SOURCE INFORMATION →
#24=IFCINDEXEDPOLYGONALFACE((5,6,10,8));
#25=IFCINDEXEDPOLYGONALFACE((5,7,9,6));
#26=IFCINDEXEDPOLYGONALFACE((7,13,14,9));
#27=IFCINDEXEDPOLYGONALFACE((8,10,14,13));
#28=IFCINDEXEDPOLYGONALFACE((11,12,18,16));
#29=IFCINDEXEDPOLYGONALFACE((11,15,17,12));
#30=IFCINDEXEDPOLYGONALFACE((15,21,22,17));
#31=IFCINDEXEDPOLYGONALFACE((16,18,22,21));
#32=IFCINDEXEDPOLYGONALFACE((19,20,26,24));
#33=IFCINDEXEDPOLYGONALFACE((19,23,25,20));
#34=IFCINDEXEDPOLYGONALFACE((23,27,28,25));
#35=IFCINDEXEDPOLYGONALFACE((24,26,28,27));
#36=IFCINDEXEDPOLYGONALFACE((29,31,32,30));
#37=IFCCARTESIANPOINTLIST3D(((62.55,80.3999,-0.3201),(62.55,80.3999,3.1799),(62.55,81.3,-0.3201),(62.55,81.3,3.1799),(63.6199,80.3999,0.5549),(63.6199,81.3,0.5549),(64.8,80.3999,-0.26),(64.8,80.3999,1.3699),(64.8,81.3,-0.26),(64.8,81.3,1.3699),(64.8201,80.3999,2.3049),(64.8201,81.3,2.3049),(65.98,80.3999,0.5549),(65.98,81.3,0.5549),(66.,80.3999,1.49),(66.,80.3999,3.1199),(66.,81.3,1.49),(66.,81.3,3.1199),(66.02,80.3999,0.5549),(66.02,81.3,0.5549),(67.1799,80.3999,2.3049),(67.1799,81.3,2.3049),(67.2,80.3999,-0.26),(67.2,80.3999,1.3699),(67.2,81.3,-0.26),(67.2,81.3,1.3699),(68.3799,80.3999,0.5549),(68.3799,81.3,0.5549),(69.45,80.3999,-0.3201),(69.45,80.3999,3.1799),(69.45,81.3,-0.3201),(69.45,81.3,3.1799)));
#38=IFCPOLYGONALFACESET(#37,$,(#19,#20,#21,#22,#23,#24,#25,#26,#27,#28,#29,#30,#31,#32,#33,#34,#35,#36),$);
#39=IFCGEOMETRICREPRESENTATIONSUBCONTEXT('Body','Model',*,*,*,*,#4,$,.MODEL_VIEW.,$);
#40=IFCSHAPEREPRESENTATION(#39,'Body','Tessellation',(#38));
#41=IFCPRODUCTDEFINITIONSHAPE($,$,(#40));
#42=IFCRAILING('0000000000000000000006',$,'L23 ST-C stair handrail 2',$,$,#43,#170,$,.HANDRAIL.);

AIM OF THE EXERCISE → Whenever the string "Body" turns up in a line of the data, copy that line.

RESULT OF THIS EXERCISE →
#39=IFCGEOMETRICREPRESENTATIONSUBCONTEXT('Body','Model',*,*,*,*,#4,$,.MODEL_VIEW.,$);
#40=IFCSHAPEREPRESENTATION(#39,'Body','Tessellation',(#38));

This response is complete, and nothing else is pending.